• _What you are asked to do_: From the entries below, pull out each line where "IFCRELASSOCIATESMATERIAL" appears.

-- Opening Marker --

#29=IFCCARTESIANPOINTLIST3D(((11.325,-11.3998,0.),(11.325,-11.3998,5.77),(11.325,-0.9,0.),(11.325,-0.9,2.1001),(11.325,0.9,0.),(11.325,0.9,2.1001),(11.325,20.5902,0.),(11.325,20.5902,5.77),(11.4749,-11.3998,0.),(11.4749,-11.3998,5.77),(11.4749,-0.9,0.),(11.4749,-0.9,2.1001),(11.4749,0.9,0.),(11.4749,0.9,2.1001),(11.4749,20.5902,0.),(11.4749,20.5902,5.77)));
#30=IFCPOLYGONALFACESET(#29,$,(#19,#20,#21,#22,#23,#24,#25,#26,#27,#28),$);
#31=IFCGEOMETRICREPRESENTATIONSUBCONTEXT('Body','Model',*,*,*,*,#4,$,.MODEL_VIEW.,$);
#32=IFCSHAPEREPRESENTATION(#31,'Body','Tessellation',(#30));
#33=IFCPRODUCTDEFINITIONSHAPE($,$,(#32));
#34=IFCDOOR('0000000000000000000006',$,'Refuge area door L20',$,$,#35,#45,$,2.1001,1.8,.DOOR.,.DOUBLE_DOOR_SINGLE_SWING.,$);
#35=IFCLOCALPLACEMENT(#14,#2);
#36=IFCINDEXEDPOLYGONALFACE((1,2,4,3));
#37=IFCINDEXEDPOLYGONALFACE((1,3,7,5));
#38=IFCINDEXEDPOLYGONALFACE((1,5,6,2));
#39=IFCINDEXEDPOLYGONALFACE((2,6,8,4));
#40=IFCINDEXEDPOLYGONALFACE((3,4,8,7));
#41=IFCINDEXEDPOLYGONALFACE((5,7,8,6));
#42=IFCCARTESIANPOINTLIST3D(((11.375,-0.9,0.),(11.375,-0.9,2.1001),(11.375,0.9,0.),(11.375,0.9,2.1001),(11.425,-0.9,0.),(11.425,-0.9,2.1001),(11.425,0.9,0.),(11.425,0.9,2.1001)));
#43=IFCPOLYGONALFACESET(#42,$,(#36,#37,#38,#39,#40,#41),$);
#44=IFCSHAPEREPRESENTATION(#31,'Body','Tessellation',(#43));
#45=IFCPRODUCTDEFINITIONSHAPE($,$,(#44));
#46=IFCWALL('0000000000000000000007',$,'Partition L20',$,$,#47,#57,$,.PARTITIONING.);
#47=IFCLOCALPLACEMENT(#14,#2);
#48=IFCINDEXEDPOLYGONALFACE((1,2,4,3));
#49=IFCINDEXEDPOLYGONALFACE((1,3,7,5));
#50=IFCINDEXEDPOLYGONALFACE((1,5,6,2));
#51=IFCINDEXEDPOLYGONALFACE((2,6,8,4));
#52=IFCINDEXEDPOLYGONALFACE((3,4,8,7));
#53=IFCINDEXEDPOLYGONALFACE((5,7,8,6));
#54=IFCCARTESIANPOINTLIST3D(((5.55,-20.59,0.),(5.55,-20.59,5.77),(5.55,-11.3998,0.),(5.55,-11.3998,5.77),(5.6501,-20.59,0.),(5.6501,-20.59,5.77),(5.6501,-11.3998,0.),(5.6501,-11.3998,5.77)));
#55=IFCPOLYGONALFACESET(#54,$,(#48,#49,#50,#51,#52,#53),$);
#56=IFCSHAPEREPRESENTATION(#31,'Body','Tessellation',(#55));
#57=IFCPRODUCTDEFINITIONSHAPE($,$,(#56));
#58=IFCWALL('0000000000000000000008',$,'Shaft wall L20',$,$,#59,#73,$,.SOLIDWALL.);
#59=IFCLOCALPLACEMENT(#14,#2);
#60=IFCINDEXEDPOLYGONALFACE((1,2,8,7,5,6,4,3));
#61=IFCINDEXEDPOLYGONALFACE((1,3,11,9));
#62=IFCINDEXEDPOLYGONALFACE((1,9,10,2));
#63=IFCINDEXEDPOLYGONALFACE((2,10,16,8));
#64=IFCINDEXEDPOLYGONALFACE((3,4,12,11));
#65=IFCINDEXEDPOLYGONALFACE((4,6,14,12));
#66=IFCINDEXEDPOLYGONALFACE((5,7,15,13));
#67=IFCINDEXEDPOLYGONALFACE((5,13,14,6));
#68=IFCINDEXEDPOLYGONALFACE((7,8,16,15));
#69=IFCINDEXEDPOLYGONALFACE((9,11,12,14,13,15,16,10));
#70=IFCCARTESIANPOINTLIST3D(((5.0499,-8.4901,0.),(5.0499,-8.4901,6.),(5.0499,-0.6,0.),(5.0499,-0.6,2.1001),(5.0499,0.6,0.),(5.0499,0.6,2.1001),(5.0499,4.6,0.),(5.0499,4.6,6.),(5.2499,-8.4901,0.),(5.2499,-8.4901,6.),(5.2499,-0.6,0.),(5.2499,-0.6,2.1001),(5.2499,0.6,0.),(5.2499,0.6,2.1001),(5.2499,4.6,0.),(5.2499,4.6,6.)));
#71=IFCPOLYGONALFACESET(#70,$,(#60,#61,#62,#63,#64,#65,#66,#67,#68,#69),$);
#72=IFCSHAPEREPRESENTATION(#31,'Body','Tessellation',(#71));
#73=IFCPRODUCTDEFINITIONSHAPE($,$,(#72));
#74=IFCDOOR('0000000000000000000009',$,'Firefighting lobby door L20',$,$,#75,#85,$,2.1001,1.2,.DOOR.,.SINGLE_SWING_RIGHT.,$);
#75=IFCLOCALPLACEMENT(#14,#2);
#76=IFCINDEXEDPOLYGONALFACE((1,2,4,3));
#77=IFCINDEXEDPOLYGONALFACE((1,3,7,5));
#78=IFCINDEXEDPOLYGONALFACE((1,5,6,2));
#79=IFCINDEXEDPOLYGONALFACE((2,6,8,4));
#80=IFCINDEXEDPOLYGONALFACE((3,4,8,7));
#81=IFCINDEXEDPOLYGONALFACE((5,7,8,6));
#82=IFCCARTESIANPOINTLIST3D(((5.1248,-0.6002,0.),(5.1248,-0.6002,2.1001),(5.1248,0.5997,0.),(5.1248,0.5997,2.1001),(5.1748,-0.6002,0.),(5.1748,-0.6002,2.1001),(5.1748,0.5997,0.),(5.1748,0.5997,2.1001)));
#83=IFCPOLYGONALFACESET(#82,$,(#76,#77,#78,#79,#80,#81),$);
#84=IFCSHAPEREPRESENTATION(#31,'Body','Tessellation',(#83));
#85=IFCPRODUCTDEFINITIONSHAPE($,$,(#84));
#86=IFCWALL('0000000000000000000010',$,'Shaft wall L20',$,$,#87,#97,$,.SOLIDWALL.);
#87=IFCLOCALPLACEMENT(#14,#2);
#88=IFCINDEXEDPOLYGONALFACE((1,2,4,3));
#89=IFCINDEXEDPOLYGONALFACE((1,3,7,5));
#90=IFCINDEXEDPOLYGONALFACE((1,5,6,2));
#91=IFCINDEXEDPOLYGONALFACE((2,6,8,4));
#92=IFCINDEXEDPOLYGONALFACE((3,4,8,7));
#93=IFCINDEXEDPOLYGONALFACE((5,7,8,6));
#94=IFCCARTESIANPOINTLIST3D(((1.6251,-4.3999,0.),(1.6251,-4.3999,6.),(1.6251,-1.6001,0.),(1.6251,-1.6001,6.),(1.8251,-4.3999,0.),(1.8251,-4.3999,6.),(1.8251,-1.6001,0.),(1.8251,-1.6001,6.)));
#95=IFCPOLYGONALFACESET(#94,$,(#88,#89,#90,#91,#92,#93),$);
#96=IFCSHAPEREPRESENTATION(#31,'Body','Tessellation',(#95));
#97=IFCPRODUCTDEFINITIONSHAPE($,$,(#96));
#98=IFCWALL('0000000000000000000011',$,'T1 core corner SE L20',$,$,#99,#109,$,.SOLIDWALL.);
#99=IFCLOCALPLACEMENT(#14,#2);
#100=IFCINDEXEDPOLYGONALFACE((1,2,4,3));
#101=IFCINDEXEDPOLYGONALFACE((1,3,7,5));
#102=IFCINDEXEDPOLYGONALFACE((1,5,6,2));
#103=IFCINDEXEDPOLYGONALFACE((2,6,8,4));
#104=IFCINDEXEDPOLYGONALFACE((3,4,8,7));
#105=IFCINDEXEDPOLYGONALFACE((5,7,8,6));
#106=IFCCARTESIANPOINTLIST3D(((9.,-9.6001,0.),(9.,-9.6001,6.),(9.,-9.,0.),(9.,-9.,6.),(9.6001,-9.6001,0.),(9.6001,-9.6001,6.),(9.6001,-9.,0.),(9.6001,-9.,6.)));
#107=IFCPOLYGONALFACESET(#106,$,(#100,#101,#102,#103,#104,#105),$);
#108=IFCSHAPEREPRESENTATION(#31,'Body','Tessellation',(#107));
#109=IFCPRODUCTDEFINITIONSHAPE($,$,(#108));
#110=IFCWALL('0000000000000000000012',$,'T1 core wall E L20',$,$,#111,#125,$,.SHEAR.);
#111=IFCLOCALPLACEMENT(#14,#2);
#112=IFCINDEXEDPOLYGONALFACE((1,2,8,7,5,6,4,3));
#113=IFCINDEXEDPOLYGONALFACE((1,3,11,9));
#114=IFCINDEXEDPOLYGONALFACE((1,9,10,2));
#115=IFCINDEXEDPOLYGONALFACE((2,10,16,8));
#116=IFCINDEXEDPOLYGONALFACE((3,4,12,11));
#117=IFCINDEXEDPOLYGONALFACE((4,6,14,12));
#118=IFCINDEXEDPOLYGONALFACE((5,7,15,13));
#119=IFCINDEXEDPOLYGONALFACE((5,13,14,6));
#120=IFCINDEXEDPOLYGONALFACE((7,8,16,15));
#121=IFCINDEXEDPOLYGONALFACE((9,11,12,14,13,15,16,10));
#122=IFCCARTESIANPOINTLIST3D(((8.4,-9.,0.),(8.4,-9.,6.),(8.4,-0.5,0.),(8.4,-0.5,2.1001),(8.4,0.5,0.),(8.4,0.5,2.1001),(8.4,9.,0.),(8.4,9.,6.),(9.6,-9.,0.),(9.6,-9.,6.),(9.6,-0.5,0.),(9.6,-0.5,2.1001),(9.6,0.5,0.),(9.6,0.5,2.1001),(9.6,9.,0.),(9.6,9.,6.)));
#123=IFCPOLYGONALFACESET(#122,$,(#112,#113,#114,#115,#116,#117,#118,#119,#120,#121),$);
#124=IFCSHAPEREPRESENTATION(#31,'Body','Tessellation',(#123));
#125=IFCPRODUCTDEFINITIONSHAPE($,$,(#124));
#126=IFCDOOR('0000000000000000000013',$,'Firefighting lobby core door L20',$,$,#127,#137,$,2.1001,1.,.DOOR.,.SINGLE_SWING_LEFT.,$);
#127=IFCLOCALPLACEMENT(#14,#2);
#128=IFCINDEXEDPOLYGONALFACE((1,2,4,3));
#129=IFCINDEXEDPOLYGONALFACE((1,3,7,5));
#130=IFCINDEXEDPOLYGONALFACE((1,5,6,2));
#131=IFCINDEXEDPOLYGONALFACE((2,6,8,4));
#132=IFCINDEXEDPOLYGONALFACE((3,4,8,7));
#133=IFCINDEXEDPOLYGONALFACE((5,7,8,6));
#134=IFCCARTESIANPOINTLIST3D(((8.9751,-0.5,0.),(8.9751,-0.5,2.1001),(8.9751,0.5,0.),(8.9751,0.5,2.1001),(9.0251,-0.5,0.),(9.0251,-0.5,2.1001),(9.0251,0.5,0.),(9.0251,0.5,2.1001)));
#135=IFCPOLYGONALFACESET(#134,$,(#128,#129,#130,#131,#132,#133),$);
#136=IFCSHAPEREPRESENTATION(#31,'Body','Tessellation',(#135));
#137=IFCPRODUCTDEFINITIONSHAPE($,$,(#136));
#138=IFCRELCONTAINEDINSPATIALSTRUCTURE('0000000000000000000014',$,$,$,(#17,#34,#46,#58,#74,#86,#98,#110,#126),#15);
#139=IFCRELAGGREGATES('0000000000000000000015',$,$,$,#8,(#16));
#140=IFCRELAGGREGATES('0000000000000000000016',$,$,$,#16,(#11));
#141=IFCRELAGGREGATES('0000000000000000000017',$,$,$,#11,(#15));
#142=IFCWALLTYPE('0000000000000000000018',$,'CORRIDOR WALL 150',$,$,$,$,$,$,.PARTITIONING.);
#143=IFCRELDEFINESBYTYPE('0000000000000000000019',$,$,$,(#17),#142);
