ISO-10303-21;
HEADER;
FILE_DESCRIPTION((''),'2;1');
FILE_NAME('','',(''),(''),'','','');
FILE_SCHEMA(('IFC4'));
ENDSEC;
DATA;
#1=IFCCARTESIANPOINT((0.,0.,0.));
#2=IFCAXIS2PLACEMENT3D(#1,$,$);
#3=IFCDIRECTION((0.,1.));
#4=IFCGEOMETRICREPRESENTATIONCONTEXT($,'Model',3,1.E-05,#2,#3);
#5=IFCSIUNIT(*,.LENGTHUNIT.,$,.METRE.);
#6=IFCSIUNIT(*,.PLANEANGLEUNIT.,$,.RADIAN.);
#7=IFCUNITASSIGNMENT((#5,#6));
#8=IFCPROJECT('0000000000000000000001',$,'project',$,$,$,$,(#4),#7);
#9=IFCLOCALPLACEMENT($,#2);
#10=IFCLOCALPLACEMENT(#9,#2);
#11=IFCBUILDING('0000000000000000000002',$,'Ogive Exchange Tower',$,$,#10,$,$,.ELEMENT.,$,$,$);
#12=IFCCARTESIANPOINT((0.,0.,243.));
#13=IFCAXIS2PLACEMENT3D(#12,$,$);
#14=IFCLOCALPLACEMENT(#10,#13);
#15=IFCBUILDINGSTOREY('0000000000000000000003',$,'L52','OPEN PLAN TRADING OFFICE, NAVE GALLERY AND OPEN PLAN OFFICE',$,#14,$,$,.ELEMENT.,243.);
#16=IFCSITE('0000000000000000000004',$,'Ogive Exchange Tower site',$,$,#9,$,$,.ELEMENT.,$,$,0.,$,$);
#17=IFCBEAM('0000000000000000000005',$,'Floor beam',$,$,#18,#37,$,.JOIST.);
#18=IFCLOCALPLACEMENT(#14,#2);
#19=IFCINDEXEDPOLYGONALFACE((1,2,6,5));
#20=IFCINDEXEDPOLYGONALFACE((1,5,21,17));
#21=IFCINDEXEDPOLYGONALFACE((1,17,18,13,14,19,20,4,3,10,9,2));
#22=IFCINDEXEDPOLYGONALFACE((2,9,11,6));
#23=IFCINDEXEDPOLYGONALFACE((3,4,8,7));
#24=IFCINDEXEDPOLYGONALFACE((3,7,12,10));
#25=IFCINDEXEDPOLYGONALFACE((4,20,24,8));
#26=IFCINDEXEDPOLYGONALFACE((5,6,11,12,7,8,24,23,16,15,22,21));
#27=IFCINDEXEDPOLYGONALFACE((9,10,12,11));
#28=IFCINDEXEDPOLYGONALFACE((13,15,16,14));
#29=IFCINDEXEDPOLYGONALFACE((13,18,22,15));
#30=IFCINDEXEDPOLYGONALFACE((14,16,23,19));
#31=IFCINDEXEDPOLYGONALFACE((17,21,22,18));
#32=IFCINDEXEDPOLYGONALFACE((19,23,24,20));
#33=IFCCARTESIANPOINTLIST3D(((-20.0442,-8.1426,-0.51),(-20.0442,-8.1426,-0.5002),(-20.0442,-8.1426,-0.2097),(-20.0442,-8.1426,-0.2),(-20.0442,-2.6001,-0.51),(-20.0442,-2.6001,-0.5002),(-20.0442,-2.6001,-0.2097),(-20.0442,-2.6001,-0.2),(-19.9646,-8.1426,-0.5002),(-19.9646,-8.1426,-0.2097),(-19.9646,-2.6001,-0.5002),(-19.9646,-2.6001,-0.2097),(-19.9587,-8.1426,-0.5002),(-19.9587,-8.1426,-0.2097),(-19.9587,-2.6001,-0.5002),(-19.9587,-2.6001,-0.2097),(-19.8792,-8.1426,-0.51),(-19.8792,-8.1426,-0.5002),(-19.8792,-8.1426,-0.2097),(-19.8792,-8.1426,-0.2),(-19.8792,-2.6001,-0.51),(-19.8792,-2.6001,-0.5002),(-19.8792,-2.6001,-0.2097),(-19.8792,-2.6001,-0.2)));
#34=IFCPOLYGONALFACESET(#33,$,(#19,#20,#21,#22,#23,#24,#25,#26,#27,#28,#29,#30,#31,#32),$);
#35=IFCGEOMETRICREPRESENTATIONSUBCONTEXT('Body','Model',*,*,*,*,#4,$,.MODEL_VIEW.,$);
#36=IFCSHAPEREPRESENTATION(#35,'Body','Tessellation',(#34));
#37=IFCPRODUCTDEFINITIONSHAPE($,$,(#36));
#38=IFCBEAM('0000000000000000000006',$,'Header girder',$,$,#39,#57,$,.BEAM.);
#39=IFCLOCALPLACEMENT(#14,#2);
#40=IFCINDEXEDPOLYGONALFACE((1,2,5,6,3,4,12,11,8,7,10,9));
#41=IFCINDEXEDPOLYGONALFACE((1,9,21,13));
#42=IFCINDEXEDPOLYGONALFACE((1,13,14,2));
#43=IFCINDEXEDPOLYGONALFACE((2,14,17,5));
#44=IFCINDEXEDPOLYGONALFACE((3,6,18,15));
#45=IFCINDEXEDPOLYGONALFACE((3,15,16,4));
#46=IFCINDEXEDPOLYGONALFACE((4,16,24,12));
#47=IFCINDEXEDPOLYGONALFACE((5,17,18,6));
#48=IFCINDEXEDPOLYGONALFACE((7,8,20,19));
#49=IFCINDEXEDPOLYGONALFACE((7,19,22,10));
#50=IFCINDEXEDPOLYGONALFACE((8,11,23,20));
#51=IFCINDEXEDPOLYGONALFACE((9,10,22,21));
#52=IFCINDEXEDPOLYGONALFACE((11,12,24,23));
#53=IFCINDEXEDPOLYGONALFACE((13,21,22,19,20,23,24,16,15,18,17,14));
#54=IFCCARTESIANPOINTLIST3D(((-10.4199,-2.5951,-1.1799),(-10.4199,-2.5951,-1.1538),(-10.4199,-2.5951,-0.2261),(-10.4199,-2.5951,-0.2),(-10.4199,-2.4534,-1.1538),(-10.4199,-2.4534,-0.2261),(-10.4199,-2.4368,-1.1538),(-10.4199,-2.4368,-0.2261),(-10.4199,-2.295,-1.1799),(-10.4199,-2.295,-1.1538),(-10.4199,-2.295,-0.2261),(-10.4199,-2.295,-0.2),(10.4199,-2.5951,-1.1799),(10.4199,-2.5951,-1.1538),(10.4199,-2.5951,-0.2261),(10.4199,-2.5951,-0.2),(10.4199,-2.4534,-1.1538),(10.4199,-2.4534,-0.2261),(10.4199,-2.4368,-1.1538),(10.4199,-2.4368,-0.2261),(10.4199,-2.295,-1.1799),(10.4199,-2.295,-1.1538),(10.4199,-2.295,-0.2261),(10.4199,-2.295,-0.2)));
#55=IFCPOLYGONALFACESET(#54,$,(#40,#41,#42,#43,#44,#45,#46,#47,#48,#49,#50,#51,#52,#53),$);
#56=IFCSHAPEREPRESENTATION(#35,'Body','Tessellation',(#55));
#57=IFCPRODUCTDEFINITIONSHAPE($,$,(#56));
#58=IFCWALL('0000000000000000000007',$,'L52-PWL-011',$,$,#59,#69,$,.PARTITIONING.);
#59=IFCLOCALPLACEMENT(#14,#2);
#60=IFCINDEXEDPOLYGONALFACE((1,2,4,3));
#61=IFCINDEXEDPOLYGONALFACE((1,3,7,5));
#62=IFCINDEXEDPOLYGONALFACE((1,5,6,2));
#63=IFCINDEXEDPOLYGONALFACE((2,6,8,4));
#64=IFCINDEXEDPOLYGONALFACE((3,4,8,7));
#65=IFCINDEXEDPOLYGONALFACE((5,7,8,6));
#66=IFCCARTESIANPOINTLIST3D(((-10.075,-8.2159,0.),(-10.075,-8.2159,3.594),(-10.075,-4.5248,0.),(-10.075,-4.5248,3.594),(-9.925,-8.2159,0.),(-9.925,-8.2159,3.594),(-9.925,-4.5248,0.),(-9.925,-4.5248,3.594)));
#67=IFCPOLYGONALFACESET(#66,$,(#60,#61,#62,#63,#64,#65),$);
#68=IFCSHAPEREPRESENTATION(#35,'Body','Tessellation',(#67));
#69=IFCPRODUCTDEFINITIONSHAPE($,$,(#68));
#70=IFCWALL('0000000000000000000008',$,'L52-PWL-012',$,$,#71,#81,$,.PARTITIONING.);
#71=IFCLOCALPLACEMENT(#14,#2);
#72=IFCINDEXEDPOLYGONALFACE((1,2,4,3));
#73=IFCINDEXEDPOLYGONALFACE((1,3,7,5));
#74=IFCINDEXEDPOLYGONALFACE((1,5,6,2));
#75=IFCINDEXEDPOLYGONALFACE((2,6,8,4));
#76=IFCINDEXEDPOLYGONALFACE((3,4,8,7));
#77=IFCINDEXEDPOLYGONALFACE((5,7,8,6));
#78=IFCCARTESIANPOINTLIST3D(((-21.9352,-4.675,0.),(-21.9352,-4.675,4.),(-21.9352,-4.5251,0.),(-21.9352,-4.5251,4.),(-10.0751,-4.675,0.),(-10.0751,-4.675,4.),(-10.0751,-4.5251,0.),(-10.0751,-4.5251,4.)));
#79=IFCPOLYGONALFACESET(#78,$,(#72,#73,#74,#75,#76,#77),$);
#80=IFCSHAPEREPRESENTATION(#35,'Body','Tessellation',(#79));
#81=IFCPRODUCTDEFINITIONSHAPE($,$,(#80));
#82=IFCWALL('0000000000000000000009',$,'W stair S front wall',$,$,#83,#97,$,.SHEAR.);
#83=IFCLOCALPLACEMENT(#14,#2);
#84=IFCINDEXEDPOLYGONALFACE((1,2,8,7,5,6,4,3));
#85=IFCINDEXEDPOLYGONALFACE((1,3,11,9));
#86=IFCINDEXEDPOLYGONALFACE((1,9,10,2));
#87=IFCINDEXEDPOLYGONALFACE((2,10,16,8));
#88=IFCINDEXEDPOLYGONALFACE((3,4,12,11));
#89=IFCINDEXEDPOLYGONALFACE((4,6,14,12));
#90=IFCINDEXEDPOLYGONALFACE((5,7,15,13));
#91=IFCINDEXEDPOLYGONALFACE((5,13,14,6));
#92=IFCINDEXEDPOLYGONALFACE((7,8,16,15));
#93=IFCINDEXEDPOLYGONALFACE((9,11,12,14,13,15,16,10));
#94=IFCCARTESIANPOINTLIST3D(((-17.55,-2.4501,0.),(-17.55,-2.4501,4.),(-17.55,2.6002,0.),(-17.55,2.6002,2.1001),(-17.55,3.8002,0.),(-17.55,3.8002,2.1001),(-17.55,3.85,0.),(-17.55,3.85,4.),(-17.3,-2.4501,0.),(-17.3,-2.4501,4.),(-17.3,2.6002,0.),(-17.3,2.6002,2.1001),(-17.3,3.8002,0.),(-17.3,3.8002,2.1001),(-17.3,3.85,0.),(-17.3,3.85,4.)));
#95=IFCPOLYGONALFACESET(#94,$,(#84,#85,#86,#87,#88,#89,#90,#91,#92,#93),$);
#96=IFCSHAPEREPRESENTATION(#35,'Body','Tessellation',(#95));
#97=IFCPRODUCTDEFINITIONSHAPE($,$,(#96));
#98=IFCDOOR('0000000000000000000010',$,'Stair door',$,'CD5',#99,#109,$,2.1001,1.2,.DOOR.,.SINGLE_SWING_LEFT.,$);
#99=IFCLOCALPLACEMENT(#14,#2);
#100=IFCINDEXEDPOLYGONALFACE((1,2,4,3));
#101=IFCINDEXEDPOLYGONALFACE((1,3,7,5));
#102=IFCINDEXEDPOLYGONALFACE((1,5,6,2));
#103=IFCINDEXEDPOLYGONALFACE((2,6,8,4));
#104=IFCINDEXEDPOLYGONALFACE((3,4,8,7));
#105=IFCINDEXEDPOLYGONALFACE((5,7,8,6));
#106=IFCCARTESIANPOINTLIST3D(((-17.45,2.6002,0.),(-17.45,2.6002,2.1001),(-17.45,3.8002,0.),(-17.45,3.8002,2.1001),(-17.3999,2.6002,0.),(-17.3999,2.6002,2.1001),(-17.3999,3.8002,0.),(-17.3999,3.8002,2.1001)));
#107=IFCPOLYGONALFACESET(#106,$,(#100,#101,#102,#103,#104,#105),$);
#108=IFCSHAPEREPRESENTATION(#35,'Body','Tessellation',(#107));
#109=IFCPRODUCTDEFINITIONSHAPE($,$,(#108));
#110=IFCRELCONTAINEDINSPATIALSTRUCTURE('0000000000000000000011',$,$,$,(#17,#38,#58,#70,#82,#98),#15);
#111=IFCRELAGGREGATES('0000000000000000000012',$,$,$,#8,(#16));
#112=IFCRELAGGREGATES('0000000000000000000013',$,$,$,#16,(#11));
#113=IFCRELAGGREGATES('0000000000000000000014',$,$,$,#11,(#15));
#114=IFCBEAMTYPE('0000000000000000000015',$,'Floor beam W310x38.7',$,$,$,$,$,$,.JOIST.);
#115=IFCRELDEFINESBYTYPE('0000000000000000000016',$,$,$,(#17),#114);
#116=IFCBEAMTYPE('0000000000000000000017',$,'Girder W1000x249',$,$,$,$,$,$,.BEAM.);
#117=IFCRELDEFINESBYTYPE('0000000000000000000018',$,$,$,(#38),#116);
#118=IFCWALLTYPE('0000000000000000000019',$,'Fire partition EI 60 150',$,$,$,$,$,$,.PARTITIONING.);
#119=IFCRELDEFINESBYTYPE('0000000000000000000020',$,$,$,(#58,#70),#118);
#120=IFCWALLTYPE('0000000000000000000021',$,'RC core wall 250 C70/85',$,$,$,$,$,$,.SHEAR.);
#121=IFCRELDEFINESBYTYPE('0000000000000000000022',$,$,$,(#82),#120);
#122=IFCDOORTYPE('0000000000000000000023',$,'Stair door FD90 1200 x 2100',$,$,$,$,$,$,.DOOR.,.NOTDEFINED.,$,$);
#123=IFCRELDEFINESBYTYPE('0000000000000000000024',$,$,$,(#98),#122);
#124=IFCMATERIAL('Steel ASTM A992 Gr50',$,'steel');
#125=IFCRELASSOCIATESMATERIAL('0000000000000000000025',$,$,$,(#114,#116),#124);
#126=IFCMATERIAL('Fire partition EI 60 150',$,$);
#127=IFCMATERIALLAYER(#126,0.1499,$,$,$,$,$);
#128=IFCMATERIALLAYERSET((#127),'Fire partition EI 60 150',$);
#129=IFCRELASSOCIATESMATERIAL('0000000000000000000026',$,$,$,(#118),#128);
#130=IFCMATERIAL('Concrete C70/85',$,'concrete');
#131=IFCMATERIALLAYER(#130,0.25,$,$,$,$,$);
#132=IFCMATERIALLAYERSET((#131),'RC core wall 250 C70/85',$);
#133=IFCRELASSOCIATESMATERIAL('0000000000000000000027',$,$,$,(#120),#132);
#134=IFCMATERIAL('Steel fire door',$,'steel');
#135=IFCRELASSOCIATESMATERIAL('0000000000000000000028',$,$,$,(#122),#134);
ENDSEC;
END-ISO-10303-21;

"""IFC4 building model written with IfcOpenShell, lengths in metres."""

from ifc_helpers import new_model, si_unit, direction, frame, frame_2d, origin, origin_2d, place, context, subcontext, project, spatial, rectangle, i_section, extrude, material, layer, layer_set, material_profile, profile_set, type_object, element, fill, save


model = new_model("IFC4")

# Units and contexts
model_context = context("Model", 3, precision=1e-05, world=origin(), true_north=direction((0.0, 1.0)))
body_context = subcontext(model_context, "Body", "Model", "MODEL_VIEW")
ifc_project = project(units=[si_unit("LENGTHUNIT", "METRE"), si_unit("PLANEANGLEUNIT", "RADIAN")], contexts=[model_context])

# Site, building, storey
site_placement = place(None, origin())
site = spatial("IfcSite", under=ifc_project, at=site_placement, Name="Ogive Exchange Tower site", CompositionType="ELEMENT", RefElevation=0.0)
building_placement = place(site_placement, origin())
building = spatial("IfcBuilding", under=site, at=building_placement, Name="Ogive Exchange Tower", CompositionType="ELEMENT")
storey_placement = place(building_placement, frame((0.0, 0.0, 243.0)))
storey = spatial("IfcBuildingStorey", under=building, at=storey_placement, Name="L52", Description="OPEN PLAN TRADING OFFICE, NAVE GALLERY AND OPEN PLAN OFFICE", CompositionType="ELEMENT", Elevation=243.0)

-- Closing Marker --

• _Result of this exercise_:
#125=IFCRELASSOCIATESMATERIAL('0000000000000000000025',$,$,$,(#114,#116),#124);
#129=IFCRELASSOCIATESMATERIAL('0000000000000000000026',$,$,$,(#118),#128);
#133=IFCRELASSOCIATESMATERIAL('0000000000000000000027',$,$,$,(#120),#132);
#135=IFCRELASSOCIATESMATERIAL('0000000000000000000028',$,$,$,(#122),#134);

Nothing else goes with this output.